Aim of the task:
Among the entries below, find each line with "IfcPlateType" and show it.

-------- Records for this task

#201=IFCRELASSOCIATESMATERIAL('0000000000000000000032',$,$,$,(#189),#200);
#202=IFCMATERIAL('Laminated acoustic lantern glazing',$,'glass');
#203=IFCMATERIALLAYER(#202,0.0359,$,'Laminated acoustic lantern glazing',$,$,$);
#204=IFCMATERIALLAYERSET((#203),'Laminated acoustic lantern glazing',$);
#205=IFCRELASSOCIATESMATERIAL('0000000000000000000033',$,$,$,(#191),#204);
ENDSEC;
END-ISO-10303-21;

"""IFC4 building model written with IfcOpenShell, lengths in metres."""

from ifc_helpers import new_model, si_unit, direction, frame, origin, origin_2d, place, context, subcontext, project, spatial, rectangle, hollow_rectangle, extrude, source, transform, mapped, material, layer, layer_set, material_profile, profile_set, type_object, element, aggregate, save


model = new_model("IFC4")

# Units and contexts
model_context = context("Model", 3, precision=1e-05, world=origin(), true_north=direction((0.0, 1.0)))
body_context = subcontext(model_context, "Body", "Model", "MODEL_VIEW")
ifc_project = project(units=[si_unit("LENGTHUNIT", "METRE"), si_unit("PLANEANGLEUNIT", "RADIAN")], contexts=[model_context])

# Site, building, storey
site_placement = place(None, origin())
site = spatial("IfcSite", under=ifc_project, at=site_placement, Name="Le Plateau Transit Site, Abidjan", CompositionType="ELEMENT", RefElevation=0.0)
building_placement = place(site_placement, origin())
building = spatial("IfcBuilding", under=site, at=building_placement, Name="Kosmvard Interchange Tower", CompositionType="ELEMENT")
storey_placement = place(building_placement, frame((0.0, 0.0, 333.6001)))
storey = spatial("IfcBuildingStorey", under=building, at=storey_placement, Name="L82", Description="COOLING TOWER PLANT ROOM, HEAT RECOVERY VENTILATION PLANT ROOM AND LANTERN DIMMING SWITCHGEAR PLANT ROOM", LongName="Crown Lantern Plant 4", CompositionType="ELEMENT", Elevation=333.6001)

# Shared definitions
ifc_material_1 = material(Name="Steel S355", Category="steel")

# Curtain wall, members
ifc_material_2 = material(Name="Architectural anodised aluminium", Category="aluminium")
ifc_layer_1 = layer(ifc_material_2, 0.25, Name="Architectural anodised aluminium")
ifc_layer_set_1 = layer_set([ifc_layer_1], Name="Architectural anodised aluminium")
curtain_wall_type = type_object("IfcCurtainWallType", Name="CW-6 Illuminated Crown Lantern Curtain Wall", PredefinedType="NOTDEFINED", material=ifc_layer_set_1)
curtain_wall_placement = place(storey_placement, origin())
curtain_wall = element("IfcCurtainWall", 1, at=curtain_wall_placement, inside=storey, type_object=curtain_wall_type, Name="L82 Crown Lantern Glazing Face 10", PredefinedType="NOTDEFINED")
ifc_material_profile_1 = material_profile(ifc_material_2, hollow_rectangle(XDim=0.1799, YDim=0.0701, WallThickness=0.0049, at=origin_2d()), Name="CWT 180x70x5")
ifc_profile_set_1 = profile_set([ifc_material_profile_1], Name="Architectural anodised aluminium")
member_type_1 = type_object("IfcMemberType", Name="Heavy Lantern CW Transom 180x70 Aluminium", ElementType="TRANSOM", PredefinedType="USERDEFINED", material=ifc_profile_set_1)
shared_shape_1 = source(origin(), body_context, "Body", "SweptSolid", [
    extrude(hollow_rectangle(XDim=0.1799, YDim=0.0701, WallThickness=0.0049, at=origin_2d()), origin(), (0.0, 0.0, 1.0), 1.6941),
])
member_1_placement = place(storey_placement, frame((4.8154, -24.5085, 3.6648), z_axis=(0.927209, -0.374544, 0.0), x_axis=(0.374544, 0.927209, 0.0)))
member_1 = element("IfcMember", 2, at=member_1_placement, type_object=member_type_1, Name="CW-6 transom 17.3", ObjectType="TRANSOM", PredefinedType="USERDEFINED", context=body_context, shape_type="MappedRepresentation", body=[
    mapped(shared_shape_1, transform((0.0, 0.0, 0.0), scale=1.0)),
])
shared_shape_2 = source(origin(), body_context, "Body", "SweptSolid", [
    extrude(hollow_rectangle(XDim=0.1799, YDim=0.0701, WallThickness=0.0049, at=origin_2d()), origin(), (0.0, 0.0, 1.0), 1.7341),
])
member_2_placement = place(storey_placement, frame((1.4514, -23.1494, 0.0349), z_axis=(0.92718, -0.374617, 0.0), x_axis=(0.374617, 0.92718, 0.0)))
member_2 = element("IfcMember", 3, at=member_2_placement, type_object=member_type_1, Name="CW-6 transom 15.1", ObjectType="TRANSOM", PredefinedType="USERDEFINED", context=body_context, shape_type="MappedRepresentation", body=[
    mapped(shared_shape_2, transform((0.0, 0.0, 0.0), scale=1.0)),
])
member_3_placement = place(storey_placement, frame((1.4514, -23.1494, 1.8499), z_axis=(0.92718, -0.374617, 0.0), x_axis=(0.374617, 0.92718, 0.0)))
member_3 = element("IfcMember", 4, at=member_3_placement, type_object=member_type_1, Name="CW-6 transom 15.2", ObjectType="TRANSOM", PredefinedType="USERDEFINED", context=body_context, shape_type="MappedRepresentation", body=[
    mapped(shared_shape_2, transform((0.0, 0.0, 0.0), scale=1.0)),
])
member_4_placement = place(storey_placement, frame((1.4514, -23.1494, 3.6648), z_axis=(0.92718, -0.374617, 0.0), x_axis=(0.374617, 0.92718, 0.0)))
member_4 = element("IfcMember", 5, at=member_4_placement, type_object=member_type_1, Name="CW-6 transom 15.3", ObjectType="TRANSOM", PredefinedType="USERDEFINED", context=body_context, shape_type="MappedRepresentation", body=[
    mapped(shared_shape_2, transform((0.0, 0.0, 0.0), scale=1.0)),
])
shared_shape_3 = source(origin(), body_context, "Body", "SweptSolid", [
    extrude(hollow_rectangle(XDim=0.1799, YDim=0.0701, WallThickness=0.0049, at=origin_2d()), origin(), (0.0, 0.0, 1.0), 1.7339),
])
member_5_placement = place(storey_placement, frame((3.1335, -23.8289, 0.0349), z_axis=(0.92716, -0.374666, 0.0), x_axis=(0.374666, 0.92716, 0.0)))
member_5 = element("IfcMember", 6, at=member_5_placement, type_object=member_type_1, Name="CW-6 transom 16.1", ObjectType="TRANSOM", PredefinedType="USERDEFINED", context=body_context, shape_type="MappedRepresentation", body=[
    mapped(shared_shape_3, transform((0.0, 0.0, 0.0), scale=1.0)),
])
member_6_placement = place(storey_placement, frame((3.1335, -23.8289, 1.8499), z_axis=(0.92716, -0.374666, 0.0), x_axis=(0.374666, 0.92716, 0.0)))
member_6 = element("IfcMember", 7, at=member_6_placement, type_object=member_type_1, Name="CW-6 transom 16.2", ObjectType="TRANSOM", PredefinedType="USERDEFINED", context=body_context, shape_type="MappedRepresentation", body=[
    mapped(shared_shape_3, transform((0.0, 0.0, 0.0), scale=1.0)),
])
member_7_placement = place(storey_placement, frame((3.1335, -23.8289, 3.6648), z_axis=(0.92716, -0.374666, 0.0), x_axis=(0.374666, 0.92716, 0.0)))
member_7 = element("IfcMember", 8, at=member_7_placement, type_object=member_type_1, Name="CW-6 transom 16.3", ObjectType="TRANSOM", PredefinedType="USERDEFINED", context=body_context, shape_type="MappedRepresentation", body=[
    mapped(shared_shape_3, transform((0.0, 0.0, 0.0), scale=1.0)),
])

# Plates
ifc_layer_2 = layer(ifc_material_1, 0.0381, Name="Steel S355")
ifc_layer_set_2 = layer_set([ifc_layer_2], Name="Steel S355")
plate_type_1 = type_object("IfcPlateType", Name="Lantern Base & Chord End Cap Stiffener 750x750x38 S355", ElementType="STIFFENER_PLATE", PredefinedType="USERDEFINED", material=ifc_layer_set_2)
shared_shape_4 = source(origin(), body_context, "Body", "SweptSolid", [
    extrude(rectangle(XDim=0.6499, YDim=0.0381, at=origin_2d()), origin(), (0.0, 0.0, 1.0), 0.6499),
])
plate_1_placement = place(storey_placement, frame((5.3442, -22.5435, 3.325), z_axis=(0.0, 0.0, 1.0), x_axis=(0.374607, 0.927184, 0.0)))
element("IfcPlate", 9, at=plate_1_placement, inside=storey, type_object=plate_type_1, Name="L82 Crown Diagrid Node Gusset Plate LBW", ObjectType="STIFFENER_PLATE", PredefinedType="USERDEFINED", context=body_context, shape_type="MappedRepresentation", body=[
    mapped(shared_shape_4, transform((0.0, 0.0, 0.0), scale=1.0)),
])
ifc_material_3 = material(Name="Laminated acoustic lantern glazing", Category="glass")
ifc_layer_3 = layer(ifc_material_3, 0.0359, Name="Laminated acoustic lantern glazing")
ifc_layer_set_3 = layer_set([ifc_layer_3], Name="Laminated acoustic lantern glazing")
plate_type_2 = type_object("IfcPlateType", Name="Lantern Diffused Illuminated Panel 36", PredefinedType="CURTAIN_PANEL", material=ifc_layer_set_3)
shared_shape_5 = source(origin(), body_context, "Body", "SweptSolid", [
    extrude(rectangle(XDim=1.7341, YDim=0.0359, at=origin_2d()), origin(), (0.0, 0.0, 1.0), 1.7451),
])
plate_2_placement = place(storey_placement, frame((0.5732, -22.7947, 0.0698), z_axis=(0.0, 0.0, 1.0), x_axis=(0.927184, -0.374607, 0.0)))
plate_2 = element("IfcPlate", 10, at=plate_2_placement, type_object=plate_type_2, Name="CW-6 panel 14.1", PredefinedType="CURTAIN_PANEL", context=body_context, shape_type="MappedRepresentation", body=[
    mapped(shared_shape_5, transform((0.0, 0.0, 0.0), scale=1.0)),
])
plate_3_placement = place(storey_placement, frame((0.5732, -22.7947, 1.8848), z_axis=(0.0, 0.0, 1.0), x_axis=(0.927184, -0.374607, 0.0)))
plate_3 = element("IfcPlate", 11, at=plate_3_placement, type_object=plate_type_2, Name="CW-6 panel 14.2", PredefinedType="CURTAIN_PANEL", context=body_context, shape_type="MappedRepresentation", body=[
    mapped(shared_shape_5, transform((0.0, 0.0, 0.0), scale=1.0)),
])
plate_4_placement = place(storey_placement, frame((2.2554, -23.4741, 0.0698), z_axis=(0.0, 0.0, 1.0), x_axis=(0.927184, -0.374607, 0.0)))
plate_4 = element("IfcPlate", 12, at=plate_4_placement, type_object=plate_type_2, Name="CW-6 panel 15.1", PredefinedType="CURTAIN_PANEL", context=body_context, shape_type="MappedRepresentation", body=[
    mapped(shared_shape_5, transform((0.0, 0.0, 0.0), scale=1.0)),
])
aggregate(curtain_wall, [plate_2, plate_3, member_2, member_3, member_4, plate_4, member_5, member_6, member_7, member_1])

----------------

The answer:
plate_type_1 = type_object("IfcPlateType", Name="Lantern Base & Chord End Cap Stiffener 750x750x38 S355", ElementType="STIFFENER_PLATE", PredefinedType="USERDEFINED", material=ifc_layer_set_2)
plate_type_2 = type_object("IfcPlateType", Name="Lantern Diffused Illuminated Panel 36", PredefinedType="CURTAIN_PANEL", material=ifc_layer_set_3)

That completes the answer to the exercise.